Task item: Set down, please, exactly the lines below that run from the line with "SKY LOBBIES, RESIDENT" to the line with "Perimeter Spandrel Ring", both lines included.

Exercise material:
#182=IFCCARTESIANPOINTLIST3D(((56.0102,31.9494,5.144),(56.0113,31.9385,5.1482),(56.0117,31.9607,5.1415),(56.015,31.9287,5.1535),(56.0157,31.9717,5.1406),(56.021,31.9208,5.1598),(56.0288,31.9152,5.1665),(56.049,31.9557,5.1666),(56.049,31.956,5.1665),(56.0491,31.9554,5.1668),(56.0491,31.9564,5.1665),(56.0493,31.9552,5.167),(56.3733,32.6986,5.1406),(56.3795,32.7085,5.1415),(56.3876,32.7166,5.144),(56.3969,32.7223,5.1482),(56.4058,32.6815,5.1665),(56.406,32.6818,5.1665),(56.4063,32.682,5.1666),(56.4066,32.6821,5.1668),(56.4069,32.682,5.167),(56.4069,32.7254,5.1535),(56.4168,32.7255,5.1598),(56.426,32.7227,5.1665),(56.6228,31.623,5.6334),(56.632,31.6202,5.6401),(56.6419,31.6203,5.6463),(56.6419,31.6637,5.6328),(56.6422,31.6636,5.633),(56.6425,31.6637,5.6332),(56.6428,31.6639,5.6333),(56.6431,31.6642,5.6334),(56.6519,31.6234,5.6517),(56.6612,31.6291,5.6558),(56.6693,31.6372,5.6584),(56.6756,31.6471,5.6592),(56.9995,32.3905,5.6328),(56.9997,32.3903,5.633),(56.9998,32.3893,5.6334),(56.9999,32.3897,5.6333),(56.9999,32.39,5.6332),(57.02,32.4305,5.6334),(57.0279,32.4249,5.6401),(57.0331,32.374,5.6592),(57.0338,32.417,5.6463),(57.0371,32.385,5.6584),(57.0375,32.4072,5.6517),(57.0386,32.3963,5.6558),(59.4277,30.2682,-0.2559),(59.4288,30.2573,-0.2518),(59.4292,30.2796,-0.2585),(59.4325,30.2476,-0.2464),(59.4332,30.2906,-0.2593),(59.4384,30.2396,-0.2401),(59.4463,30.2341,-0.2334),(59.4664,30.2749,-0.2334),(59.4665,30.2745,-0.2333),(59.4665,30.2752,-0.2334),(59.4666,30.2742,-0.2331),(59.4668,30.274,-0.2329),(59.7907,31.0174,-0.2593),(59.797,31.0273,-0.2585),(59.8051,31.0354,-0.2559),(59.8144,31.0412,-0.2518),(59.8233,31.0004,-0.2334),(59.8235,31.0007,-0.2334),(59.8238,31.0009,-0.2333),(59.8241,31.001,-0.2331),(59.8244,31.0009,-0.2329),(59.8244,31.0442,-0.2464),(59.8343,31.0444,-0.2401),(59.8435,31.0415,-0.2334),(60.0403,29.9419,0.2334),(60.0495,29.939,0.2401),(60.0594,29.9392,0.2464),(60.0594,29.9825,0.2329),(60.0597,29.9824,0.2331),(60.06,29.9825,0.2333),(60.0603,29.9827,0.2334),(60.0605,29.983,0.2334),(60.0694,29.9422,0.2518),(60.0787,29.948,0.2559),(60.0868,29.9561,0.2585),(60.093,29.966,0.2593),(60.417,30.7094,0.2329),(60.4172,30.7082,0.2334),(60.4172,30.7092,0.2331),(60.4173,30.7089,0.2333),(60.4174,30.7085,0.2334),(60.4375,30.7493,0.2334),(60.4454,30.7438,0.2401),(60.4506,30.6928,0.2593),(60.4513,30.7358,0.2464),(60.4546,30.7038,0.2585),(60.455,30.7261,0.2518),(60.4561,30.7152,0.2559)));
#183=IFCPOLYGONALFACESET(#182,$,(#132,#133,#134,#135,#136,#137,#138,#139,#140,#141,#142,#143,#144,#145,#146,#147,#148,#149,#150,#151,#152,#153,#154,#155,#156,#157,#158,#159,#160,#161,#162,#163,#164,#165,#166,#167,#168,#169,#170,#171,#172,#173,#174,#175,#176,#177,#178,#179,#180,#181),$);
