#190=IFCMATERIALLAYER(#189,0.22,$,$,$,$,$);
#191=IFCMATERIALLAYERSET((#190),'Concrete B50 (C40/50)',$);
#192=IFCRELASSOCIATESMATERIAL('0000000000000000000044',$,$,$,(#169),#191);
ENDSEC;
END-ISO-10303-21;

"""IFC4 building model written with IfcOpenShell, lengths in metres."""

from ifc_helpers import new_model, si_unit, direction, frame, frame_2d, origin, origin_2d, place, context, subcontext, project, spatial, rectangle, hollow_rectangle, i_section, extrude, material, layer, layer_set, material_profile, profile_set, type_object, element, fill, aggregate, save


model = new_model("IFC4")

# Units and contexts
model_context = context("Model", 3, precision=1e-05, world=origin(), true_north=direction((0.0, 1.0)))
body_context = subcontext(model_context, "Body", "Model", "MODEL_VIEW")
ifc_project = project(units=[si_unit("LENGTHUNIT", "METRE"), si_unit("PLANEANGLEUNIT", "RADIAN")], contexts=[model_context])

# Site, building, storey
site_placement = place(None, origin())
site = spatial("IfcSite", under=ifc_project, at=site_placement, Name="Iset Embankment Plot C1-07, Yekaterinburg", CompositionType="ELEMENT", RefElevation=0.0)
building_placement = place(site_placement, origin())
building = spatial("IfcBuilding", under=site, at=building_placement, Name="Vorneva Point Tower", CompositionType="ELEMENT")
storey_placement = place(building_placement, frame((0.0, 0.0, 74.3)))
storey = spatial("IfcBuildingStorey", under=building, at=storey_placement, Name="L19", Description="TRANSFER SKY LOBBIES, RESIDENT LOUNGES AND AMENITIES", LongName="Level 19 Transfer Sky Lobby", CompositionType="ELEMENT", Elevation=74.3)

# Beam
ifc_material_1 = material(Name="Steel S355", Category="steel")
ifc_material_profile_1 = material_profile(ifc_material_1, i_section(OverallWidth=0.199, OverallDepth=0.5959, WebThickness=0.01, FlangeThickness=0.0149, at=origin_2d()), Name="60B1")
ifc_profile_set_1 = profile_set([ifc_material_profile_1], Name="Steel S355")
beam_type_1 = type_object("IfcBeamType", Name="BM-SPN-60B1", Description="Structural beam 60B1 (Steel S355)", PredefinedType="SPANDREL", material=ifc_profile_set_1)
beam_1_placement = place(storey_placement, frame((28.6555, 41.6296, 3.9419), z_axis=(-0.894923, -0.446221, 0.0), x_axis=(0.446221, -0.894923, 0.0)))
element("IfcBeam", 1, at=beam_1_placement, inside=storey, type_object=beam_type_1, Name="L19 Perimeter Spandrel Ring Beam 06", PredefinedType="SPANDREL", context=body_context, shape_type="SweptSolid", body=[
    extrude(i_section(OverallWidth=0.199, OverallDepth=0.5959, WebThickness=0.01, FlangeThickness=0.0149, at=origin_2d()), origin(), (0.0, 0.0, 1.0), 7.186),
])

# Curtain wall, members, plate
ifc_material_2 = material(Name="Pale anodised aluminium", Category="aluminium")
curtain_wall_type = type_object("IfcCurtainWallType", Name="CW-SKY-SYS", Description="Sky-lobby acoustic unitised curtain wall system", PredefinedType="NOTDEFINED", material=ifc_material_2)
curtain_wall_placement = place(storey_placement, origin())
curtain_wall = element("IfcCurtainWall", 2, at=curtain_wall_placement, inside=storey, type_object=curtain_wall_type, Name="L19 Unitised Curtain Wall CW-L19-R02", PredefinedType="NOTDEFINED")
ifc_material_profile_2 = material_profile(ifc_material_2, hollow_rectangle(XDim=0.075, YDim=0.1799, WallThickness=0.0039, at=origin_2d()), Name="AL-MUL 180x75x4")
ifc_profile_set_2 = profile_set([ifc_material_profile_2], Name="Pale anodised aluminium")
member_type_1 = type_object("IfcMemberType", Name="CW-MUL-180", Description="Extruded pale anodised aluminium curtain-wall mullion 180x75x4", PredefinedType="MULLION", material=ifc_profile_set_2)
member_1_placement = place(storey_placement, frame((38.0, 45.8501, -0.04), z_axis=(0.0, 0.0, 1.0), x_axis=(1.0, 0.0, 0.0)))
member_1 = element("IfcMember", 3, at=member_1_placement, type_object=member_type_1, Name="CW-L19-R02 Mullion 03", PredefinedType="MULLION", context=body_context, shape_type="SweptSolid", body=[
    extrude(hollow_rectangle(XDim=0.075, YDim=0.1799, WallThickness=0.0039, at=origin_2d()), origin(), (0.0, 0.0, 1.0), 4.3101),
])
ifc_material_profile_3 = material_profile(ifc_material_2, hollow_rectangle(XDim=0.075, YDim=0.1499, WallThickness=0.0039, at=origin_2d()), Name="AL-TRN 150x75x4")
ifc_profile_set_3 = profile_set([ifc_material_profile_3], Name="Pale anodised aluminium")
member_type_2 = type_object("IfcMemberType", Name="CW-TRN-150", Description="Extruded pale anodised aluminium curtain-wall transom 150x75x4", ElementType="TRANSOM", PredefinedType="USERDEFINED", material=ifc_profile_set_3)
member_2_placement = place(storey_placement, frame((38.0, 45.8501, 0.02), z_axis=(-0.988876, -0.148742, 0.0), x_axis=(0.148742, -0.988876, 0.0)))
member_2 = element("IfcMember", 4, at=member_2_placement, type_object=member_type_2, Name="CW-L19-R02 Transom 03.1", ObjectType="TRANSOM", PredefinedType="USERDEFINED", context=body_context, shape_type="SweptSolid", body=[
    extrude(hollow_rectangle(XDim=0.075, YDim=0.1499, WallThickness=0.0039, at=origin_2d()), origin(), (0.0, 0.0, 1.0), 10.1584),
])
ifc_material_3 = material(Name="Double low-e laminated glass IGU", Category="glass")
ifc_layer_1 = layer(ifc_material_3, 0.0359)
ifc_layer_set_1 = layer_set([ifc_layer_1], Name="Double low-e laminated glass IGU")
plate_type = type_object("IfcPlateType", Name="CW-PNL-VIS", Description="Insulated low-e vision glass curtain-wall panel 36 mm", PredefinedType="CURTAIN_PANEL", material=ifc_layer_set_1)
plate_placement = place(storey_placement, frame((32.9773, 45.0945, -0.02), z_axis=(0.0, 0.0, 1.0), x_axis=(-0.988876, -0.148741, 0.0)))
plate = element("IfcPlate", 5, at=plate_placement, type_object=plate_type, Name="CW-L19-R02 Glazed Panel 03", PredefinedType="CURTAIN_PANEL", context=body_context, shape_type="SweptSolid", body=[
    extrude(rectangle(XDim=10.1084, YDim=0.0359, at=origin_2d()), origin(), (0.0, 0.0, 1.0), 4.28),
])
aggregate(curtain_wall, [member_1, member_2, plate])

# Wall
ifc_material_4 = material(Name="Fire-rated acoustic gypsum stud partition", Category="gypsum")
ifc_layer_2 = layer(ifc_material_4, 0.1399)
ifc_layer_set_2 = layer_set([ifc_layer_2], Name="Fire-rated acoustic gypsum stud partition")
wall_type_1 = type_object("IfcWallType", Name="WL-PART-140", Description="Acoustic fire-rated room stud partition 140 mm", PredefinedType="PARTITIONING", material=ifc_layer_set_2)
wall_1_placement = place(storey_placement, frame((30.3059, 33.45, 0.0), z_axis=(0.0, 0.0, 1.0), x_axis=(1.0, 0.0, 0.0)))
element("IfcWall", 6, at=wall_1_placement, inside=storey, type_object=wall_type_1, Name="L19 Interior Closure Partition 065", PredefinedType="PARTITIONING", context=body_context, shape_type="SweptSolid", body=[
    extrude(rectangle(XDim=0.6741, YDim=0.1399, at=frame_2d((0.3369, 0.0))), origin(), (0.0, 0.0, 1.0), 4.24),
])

Task output:
storey = spatial("IfcBuildingStorey", under=building, at=storey_placement, Name="L19", Description="TRANSFER SKY LOBBIES, RESIDENT LOUNGES AND AMENITIES", LongName="Level 19 Transfer Sky Lobby", CompositionType="ELEMENT", Elevation=74.3)

# Beam
ifc_material_1 = material(Name="Steel S355", Category="steel")
ifc_material_profile_1 = material_profile(ifc_material_1, i_section(OverallWidth=0.199, OverallDepth=0.5959, WebThickness=0.01, FlangeThickness=0.0149, at=origin_2d()), Name="60B1")
ifc_profile_set_1 = profile_set([ifc_material_profile_1], Name="Steel S355")
beam_type_1 = type_object("IfcBeamType", Name="BM-SPN-60B1", Description="Structural beam 60B1 (Steel S355)", PredefinedType="SPANDREL", material=ifc_profile_set_1)
beam_1_placement = place(storey_placement, frame((28.6555, 41.6296, 3.9419), z_axis=(-0.894923, -0.446221, 0.0), x_axis=(0.446221, -0.894923, 0.0)))
element("IfcBeam", 1, at=beam_1_placement, inside=storey, type_object=beam_type_1, Name="L19 Perimeter Spandrel Ring Beam 06", PredefinedType="SPANDREL", context=body_context, shape_type="SweptSolid", body=[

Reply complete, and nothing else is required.